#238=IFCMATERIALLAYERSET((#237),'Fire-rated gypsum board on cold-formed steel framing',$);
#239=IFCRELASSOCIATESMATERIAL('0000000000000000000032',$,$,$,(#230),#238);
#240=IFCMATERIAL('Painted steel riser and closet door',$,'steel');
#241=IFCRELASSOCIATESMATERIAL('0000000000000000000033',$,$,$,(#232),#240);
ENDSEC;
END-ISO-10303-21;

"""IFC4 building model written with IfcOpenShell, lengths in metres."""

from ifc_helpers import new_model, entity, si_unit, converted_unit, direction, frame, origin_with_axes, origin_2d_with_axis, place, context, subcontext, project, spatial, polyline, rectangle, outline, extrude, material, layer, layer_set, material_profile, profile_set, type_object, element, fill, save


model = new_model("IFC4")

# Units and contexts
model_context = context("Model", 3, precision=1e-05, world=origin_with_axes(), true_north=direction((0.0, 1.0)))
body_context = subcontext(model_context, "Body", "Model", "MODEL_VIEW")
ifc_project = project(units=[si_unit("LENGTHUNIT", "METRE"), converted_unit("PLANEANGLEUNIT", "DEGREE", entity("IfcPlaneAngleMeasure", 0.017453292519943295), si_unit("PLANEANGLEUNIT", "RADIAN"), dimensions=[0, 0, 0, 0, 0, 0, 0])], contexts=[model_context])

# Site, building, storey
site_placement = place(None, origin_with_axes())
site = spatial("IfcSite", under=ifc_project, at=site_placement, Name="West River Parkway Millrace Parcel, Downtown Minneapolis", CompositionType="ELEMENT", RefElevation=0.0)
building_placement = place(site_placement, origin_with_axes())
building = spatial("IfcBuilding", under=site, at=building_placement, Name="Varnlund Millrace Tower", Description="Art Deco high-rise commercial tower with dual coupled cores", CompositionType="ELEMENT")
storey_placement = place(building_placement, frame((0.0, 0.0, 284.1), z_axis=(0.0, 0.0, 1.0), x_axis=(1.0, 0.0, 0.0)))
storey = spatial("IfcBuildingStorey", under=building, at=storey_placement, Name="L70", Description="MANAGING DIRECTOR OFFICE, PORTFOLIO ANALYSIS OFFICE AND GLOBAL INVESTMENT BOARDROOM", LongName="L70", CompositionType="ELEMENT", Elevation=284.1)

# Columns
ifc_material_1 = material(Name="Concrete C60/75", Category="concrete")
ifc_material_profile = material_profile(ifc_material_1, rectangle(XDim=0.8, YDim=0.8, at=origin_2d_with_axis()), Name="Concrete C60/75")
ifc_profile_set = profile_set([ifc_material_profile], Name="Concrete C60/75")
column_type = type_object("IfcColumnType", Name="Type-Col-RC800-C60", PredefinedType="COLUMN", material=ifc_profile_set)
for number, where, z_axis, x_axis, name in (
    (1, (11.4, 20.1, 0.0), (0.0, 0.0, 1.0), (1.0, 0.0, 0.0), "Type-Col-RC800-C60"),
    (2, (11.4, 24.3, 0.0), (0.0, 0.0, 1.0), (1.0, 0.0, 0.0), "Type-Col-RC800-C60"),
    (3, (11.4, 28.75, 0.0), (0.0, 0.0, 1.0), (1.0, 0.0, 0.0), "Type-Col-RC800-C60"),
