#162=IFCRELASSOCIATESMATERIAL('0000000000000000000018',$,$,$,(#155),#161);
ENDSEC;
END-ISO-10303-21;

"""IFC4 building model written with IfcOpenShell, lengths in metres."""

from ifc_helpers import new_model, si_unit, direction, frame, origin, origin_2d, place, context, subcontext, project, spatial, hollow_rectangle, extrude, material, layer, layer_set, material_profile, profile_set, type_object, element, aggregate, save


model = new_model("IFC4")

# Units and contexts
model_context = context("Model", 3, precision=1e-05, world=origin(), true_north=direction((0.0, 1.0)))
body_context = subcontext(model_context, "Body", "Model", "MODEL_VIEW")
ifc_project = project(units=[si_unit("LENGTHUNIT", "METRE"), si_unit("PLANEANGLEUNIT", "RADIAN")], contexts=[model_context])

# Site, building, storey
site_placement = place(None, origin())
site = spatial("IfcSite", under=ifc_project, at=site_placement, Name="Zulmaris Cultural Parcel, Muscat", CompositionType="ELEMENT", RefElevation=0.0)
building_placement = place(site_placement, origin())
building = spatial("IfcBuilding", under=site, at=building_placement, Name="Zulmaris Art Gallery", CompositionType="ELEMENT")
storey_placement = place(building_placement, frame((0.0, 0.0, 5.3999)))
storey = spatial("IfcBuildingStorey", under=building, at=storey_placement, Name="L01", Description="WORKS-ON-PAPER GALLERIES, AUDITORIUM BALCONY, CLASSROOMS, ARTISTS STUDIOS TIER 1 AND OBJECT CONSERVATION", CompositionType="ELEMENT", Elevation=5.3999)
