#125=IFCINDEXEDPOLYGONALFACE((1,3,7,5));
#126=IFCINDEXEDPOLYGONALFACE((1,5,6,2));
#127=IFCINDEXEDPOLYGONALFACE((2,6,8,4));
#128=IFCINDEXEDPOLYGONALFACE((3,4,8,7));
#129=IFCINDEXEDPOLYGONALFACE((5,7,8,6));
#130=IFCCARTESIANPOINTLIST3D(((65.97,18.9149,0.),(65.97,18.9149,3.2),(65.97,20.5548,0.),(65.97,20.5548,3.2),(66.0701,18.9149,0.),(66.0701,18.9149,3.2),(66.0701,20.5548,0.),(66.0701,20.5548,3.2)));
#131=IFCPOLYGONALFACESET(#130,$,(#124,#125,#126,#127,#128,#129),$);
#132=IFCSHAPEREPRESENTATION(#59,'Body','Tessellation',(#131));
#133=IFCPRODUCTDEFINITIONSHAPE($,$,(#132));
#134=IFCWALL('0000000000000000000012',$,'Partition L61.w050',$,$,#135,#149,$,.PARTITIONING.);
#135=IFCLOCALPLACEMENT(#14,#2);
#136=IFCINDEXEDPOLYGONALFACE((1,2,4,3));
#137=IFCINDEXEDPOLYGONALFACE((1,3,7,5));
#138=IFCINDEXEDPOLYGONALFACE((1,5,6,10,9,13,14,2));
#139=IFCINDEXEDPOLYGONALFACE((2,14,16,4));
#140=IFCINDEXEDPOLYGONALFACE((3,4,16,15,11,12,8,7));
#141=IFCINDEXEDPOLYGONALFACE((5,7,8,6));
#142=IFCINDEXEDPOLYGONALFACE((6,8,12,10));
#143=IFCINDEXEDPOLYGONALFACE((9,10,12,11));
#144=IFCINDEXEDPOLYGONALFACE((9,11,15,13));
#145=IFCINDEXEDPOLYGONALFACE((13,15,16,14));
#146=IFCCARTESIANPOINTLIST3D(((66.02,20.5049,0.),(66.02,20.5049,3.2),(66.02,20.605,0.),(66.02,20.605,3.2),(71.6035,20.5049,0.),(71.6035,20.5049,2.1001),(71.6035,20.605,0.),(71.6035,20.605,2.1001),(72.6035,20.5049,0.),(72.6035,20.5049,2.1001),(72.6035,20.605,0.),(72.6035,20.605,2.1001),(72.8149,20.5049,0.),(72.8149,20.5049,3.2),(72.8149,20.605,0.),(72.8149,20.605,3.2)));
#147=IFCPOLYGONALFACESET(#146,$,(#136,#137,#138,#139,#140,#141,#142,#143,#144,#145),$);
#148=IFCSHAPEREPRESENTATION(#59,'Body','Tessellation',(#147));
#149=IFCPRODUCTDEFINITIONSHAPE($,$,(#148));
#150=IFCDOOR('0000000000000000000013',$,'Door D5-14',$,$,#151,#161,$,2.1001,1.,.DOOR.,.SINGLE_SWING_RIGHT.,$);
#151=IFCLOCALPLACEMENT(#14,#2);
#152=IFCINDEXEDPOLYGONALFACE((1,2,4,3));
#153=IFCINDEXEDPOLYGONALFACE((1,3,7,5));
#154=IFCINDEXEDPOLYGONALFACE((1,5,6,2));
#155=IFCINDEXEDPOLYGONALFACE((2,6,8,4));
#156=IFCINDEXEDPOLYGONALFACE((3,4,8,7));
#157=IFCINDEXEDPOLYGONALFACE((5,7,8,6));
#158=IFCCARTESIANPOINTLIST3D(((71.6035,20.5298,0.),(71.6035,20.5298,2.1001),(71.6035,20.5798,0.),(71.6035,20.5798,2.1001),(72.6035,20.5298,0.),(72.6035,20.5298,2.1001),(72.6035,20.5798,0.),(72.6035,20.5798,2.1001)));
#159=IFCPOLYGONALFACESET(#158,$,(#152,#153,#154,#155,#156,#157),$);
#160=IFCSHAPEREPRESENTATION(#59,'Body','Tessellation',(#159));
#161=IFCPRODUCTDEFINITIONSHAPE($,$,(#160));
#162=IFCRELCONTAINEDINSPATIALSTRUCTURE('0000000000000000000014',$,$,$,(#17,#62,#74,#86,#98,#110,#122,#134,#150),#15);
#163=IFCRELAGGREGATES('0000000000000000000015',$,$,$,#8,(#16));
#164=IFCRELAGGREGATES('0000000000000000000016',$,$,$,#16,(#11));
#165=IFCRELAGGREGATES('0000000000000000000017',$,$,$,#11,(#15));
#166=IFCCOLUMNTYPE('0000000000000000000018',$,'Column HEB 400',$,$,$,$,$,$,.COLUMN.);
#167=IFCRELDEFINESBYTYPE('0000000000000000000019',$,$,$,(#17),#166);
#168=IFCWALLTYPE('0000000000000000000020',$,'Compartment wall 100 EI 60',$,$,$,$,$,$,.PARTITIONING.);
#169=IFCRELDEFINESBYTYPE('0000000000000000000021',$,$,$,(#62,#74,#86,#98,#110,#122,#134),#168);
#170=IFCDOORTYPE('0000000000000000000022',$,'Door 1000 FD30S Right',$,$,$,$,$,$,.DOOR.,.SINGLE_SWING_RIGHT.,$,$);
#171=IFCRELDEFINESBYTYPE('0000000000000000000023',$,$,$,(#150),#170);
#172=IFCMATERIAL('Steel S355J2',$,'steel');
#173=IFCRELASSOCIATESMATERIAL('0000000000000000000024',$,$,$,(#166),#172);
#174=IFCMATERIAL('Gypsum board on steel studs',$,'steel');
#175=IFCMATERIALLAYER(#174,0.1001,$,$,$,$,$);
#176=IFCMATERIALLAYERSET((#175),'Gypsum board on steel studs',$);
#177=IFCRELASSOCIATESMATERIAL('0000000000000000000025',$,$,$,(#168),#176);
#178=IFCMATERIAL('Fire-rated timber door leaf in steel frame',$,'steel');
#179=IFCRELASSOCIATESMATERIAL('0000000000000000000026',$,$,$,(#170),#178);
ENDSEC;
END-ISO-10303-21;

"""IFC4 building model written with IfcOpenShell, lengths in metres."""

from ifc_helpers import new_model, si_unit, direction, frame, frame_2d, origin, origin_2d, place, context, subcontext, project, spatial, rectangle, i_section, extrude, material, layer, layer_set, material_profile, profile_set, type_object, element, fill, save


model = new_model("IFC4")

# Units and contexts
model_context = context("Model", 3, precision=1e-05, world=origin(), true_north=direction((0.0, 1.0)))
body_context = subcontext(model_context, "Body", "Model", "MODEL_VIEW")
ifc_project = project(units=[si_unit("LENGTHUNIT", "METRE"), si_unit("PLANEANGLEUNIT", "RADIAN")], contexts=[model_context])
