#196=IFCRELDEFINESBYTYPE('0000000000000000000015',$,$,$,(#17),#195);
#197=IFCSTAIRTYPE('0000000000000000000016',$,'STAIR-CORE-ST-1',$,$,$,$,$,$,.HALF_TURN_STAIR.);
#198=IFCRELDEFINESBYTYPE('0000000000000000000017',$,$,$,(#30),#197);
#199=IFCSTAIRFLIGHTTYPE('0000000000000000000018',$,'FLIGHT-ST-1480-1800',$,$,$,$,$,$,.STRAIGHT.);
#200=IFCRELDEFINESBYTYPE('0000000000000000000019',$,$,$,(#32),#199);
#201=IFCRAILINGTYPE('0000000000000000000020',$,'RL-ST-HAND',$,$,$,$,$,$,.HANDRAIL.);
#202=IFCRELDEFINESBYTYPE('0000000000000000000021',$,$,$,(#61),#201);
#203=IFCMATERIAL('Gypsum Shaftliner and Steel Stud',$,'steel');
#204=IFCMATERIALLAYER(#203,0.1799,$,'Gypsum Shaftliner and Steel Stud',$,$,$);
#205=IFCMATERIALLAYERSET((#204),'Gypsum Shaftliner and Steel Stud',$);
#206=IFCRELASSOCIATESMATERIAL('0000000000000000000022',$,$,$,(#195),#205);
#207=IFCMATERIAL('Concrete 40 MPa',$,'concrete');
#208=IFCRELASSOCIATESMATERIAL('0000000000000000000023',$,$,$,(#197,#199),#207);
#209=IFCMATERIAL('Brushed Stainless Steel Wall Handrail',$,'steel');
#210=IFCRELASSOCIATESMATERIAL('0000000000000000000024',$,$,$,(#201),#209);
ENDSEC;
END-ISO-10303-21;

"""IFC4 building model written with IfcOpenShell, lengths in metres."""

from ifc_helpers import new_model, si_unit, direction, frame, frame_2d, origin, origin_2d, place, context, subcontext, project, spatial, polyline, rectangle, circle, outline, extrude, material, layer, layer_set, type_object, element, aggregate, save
........
*What you need to do*
Copy out, exactly as given, the line containing "#203=IFCMATERIAL('Gypsum Shaftliner and" together with every line after it in the material.

*Answer below*
#203=IFCMATERIAL('Gypsum Shaftliner and Steel Stud',$,'steel');
#204=IFCMATERIALLAYER(#203,0.1799,$,'Gypsum Shaftliner and Steel Stud',$,$,$);
#205=IFCMATERIALLAYERSET((#204),'Gypsum Shaftliner and Steel Stud',$);
#206=IFCRELASSOCIATESMATERIAL('0000000000000000000022',$,$,$,(#195),#205);
#207=IFCMATERIAL('Concrete 40 MPa',$,'concrete');
#208=IFCRELASSOCIATESMATERIAL('0000000000000000000023',$,$,$,(#197,#199),#207);
#209=IFCMATERIAL('Brushed Stainless Steel Wall Handrail',$,'steel');
#210=IFCRELASSOCIATESMATERIAL('0000000000000000000024',$,$,$,(#201),#209);
ENDSEC;
END-ISO-10303-21;

"""IFC4 building model written with IfcOpenShell, lengths in metres."""

from ifc_helpers import new_model, si_unit, direction, frame, frame_2d, origin, origin_2d, place, context, subcontext, project, spatial, polyline, rectangle, circle, outline, extrude, material, layer, layer_set, type_object, element, aggregate, save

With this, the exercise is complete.